(Saved entries)
== Segment start ==

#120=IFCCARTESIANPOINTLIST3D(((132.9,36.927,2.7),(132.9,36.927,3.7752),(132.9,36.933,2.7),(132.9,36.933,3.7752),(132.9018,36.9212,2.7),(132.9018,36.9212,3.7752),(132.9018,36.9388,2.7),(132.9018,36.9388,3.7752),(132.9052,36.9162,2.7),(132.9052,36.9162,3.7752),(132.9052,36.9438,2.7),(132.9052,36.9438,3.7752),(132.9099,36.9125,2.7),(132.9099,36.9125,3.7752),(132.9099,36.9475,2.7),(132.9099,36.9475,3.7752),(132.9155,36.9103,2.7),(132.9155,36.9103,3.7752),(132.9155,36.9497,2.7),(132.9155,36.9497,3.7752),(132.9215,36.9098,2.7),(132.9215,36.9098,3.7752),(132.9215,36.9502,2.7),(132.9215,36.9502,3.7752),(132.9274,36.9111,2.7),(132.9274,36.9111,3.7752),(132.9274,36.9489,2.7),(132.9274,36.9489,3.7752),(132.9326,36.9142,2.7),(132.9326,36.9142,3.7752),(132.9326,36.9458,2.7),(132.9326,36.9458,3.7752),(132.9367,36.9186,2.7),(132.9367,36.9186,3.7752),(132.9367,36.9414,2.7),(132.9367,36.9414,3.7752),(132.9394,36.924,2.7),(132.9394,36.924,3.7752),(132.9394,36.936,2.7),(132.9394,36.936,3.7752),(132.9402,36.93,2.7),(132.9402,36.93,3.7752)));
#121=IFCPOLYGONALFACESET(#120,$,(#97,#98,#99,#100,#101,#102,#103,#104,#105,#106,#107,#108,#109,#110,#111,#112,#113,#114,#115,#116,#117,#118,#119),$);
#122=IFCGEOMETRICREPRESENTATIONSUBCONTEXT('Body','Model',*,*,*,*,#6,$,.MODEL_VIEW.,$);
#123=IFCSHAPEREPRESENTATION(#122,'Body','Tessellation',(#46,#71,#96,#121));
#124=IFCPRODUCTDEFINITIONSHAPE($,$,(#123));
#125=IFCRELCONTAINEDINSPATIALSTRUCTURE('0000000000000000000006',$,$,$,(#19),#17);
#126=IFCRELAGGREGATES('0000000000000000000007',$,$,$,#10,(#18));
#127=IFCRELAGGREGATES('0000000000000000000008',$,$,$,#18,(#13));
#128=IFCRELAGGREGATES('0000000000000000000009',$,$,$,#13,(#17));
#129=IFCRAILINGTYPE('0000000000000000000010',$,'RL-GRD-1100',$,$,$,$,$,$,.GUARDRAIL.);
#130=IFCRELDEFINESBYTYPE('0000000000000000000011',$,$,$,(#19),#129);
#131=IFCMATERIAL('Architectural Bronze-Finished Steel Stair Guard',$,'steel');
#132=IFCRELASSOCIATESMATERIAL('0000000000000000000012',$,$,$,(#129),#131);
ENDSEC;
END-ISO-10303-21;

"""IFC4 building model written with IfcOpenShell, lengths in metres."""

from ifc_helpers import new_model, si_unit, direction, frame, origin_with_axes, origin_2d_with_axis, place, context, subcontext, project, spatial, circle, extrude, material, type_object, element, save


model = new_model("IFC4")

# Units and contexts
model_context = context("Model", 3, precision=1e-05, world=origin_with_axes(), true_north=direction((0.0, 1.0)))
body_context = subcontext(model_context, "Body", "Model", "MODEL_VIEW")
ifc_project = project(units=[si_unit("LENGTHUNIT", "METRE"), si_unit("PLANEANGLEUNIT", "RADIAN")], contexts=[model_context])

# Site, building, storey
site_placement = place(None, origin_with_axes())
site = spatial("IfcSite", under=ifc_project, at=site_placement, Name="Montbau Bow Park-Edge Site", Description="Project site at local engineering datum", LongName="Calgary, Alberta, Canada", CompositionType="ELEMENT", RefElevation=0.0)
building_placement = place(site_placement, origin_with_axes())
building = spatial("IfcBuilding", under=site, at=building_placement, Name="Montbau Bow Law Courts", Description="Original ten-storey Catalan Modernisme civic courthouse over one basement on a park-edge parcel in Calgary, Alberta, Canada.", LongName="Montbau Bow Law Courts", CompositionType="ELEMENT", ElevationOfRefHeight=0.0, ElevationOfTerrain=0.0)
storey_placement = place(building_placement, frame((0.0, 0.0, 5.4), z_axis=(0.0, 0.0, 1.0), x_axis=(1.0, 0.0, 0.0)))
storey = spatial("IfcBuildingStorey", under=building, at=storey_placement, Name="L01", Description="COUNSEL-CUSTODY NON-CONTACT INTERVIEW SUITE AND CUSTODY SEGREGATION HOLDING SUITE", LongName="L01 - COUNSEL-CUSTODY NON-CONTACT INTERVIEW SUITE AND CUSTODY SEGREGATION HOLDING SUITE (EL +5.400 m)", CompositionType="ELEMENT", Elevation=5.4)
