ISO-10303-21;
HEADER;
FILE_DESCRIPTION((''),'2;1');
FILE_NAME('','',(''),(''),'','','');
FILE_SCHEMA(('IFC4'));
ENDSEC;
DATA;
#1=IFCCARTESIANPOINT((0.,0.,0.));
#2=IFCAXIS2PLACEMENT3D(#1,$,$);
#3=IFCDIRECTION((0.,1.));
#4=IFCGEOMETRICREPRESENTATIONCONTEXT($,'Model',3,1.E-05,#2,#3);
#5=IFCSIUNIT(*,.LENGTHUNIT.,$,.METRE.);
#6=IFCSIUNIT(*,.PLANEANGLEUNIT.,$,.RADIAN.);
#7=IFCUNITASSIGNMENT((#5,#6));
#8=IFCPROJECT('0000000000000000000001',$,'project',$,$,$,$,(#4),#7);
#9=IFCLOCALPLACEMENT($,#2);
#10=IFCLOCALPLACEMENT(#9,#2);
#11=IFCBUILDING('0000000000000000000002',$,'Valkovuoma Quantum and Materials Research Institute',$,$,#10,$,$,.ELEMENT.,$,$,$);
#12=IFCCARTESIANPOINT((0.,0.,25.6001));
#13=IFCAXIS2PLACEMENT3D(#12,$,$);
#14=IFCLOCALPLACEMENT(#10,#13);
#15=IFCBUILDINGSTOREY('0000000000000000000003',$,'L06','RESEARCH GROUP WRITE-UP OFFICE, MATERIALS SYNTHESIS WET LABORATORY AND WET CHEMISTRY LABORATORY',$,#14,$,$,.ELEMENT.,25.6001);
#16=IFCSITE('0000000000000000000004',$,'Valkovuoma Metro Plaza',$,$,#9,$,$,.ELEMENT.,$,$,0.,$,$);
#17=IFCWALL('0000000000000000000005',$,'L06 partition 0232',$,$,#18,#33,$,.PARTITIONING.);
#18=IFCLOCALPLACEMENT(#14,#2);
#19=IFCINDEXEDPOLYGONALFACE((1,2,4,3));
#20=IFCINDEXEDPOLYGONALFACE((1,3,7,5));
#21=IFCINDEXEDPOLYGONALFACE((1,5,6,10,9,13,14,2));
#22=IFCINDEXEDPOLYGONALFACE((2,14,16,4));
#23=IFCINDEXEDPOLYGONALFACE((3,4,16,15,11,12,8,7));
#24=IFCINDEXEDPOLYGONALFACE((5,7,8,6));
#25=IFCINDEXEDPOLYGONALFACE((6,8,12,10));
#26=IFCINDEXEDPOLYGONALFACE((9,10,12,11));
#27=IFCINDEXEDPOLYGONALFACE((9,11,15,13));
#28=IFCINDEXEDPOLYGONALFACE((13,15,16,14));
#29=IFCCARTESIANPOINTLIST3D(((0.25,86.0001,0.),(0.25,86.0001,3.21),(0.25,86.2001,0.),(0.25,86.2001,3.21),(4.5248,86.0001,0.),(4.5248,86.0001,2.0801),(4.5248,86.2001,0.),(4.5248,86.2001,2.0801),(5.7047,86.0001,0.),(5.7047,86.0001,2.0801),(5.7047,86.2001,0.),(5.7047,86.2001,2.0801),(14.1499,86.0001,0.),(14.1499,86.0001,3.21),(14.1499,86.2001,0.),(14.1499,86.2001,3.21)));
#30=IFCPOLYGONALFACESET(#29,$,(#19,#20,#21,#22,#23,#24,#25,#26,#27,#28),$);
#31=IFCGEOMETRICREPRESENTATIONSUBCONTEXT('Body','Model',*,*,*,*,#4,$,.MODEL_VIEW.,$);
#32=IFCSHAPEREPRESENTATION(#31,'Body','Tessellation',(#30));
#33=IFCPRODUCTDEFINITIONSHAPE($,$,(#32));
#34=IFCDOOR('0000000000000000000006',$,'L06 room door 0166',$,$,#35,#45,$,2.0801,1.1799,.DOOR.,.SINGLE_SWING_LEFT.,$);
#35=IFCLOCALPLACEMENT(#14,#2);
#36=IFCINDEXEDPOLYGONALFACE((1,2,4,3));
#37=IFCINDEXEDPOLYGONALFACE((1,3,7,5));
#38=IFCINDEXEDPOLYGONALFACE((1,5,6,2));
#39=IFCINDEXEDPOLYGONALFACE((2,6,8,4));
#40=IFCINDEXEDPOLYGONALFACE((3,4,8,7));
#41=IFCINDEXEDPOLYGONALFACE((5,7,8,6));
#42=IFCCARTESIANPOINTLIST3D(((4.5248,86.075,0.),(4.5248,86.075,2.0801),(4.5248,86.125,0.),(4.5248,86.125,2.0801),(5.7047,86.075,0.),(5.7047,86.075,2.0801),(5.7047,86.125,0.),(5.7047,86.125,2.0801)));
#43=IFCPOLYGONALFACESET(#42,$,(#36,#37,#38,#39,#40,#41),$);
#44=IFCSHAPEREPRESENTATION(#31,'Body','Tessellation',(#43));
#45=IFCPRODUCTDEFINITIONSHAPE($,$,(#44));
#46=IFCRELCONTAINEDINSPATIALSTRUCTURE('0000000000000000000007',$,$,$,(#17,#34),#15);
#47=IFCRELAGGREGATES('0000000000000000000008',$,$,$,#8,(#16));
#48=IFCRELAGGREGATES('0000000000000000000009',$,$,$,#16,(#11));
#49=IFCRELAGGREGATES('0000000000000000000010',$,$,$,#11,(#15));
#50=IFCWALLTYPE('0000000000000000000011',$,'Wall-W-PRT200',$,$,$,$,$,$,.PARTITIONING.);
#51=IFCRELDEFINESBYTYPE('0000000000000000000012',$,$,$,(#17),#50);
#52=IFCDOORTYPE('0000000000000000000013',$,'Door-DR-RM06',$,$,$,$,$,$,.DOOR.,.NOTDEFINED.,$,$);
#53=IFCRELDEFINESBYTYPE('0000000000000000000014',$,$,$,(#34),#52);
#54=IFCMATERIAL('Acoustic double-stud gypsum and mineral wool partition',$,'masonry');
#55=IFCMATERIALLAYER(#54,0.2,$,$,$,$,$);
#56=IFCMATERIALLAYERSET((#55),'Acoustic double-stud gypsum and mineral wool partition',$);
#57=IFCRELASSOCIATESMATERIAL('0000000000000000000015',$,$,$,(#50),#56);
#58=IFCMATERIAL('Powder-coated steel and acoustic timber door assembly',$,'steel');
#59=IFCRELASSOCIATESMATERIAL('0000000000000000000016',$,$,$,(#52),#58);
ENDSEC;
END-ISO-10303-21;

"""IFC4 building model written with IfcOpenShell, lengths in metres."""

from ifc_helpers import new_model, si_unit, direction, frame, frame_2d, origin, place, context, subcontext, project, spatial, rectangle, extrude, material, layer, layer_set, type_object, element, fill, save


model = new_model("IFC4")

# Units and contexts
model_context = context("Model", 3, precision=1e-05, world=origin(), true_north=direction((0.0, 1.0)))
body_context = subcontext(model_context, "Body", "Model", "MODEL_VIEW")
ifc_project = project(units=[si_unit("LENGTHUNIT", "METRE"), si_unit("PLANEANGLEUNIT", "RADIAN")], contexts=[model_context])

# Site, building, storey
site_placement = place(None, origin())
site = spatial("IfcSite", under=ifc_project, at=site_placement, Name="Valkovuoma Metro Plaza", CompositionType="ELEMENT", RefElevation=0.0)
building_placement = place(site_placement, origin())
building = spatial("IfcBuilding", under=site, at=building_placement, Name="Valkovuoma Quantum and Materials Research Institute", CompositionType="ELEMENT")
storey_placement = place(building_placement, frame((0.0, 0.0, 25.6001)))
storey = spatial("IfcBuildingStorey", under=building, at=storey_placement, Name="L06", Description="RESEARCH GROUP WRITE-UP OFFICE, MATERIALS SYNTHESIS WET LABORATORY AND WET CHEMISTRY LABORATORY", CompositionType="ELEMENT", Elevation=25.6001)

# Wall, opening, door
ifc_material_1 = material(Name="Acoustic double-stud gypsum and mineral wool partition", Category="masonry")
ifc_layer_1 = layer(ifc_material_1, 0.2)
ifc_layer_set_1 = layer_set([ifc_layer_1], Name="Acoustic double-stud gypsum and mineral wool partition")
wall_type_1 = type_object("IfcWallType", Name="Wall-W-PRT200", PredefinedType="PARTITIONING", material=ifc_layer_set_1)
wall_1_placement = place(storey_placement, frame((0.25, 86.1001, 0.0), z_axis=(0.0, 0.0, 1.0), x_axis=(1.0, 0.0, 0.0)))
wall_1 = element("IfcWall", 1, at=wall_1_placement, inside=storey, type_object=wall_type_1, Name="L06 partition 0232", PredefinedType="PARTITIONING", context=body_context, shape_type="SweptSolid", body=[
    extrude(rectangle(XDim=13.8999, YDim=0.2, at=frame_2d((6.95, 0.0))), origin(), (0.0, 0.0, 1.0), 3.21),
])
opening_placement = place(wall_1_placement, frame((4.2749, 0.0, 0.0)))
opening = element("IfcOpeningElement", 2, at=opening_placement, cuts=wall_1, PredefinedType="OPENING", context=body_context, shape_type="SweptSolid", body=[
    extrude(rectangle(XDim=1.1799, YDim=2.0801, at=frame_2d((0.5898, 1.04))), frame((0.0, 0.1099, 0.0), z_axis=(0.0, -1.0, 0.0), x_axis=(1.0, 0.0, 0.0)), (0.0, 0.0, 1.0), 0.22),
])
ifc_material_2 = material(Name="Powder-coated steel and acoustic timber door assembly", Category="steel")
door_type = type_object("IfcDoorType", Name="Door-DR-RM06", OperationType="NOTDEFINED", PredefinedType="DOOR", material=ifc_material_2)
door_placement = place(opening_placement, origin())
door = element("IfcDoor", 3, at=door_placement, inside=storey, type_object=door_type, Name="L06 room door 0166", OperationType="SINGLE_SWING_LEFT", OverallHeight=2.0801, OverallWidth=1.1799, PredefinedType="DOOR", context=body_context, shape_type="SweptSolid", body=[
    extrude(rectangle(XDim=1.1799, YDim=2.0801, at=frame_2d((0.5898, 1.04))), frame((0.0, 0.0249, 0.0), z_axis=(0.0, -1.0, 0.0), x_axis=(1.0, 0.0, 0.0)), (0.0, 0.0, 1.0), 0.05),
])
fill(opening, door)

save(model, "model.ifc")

== Segment end ==
== Segment start ==

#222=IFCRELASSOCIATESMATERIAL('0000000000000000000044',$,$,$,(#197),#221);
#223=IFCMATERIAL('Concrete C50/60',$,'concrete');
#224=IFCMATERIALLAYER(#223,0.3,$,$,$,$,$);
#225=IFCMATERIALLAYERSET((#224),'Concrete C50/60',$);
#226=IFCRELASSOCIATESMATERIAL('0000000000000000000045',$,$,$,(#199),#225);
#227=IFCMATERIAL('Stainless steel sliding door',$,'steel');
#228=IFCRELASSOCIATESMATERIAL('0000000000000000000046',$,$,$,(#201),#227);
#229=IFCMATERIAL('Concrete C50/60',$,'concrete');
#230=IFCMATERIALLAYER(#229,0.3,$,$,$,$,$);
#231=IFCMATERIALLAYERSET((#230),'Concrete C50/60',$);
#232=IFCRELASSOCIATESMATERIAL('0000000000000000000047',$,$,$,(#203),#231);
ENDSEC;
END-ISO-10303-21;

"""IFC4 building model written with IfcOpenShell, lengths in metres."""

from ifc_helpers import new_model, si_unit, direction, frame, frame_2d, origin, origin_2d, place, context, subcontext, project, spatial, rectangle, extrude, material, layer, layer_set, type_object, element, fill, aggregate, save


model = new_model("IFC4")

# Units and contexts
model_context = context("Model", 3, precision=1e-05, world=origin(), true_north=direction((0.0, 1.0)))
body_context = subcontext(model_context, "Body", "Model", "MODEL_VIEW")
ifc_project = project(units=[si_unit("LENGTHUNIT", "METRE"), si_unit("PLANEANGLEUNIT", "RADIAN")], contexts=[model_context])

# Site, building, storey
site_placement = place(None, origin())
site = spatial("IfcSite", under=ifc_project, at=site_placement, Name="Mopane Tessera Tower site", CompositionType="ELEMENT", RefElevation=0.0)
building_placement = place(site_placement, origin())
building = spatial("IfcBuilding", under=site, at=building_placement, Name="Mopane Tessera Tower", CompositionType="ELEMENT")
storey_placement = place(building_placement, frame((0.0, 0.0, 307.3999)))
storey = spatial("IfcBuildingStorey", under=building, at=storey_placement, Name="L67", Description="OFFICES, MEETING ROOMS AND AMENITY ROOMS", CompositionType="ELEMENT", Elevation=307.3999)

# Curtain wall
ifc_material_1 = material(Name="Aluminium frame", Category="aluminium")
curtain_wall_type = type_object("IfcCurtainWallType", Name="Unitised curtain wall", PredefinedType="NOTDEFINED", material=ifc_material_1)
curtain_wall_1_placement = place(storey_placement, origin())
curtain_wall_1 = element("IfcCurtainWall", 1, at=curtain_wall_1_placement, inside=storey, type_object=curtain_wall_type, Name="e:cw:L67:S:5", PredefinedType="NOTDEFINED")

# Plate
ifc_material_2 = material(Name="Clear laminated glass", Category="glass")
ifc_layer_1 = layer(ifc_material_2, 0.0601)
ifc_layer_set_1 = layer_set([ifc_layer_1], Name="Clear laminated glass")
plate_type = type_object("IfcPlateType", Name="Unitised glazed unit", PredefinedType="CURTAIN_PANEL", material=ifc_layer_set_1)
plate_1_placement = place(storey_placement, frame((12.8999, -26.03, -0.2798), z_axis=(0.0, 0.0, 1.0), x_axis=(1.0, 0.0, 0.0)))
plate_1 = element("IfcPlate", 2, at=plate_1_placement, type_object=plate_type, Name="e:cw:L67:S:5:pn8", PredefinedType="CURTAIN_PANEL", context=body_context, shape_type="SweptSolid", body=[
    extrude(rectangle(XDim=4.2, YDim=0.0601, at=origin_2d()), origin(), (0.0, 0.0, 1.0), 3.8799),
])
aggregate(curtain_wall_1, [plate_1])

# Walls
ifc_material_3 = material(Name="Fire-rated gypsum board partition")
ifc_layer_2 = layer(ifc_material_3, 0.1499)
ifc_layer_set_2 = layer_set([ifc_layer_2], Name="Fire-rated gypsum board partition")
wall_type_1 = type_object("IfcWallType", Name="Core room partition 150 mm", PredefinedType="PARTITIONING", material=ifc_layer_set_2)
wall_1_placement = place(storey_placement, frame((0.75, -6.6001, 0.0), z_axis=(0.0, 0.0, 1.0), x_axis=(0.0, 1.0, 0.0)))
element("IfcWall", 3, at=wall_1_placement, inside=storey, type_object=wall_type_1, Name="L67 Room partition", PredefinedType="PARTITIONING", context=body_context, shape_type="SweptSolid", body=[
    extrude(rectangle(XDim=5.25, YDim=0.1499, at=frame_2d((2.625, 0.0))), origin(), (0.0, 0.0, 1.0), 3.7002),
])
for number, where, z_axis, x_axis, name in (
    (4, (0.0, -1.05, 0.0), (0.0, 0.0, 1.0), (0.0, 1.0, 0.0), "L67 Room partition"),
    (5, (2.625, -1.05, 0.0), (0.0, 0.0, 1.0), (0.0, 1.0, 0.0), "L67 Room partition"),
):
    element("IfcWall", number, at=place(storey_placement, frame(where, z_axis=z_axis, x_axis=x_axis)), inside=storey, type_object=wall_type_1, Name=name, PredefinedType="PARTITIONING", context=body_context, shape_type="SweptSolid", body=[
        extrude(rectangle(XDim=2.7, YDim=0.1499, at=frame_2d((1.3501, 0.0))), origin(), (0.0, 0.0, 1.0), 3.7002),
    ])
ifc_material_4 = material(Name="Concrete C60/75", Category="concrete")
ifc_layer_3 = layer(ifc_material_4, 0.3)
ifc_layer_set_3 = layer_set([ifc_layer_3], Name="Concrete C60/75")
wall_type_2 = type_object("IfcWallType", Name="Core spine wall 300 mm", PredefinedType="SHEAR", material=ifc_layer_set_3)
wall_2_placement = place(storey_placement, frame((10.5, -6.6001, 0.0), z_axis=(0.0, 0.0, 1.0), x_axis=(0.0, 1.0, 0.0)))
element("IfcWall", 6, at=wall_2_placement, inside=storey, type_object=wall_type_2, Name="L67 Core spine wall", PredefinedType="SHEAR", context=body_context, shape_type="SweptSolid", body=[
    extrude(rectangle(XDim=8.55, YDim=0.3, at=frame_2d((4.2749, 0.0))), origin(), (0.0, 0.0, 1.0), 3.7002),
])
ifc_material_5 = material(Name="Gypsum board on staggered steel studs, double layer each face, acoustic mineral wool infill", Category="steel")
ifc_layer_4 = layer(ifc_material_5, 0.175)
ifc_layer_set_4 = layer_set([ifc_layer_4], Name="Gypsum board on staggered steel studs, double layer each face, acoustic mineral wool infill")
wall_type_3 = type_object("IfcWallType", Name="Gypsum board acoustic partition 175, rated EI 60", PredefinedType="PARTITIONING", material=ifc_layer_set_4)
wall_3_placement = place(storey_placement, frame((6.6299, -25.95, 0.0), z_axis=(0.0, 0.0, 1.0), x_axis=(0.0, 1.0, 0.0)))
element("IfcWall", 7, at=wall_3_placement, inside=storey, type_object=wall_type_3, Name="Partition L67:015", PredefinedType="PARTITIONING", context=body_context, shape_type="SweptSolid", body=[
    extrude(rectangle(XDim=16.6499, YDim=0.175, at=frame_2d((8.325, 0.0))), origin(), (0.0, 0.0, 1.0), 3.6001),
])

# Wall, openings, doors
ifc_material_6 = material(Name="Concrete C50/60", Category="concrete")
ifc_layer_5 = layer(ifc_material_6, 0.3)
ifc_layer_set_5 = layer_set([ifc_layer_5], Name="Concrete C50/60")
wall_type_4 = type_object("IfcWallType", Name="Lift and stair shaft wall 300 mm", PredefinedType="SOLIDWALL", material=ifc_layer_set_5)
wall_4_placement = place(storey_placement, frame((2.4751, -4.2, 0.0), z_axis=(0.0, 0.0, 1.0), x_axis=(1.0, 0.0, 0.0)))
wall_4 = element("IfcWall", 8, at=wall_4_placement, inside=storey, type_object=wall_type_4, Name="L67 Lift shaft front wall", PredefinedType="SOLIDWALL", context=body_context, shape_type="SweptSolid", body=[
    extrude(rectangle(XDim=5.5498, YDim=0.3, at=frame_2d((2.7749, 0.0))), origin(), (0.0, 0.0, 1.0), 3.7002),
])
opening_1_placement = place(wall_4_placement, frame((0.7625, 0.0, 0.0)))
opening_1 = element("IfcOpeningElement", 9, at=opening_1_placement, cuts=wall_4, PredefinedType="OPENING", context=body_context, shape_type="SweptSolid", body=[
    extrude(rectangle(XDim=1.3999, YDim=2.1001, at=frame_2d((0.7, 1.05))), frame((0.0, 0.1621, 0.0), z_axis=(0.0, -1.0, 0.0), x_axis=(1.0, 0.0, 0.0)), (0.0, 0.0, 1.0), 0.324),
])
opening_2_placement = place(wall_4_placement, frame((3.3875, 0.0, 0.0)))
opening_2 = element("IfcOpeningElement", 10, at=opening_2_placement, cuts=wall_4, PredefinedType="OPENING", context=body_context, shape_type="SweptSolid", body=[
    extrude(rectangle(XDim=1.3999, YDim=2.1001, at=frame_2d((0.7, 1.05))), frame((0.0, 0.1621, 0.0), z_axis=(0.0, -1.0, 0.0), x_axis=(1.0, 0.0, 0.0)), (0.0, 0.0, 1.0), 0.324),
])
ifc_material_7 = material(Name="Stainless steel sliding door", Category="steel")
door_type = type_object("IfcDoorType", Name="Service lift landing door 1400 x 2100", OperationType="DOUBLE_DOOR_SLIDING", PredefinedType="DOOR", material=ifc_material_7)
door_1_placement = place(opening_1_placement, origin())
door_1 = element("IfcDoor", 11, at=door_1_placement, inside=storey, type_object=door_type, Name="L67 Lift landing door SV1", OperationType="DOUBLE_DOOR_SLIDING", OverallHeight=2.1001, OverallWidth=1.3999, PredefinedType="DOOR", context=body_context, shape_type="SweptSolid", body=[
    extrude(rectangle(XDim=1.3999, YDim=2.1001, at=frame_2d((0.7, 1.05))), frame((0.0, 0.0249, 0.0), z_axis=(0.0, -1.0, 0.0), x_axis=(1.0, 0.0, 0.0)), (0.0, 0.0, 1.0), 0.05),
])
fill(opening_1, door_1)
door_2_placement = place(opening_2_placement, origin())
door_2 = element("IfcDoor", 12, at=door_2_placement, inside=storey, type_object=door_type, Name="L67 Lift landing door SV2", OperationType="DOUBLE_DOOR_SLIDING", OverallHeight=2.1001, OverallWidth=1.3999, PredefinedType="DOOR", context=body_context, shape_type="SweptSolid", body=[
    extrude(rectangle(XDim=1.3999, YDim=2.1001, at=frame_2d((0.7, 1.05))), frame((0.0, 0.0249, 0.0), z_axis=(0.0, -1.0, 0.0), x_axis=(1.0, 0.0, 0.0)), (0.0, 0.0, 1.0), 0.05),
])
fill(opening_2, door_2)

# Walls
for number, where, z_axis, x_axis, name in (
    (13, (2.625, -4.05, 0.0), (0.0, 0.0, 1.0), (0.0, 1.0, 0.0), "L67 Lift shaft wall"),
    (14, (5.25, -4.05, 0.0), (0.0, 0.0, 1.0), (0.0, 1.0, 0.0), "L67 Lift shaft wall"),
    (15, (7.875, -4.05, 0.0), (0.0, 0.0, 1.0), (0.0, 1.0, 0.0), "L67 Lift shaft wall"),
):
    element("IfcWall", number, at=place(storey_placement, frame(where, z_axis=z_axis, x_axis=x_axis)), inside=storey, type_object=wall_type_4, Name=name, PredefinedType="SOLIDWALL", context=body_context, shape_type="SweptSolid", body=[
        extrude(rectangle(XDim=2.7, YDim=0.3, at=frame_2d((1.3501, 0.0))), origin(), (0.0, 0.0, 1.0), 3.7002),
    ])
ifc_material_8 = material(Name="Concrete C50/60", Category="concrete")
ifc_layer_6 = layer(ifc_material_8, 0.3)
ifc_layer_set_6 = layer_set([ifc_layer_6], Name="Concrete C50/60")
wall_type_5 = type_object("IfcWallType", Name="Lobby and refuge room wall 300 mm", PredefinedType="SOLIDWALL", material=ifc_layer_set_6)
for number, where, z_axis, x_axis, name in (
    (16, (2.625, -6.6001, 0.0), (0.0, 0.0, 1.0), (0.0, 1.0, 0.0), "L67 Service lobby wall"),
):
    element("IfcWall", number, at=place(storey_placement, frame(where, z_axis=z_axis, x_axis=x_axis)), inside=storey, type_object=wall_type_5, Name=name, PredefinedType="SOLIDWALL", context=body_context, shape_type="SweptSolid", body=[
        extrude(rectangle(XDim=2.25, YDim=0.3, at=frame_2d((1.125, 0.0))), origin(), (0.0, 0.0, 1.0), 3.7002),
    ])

== Segment end ==

◆ **How to complete this task**
Retype only the lines above between the line with "FILE_SCHEMA(('IFC4'));" and the line with "#19=IFCINDEXEDPOLYGONALFACE((1,2,4,3));", counting those two lines as well, and keep every character as it is.

◆ **Your response**
FILE_SCHEMA(('IFC4'));
ENDSEC;
DATA;
#1=IFCCARTESIANPOINT((0.,0.,0.));
#2=IFCAXIS2PLACEMENT3D(#1,$,$);
#3=IFCDIRECTION((0.,1.));
#4=IFCGEOMETRICREPRESENTATIONCONTEXT($,'Model',3,1.E-05,#2,#3);
#5=IFCSIUNIT(*,.LENGTHUNIT.,$,.METRE.);
#6=IFCSIUNIT(*,.PLANEANGLEUNIT.,$,.RADIAN.);
#7=IFCUNITASSIGNMENT((#5,#6));
#8=IFCPROJECT('0000000000000000000001',$,'project',$,$,$,$,(#4),#7);
#9=IFCLOCALPLACEMENT($,#2);
#10=IFCLOCALPLACEMENT(#9,#2);
#11=IFCBUILDING('0000000000000000000002',$,'Valkovuoma Quantum and Materials Research Institute',$,$,#10,$,$,.ELEMENT.,$,$,$);
#12=IFCCARTESIANPOINT((0.,0.,25.6001));
#13=IFCAXIS2PLACEMENT3D(#12,$,$);
#14=IFCLOCALPLACEMENT(#10,#13);
#15=IFCBUILDINGSTOREY('0000000000000000000003',$,'L06','RESEARCH GROUP WRITE-UP OFFICE, MATERIALS SYNTHESIS WET LABORATORY AND WET CHEMISTRY LABORATORY',$,#14,$,$,.ELEMENT.,25.6001);
#16=IFCSITE('0000000000000000000004',$,'Valkovuoma Metro Plaza',$,$,#9,$,$,.ELEMENT.,$,$,0.,$,$);
#17=IFCWALL('0000000000000000000005',$,'L06 partition 0232',$,$,#18,#33,$,.PARTITIONING.);
#18=IFCLOCALPLACEMENT(#14,#2);
#19=IFCINDEXEDPOLYGONALFACE((1,2,4,3));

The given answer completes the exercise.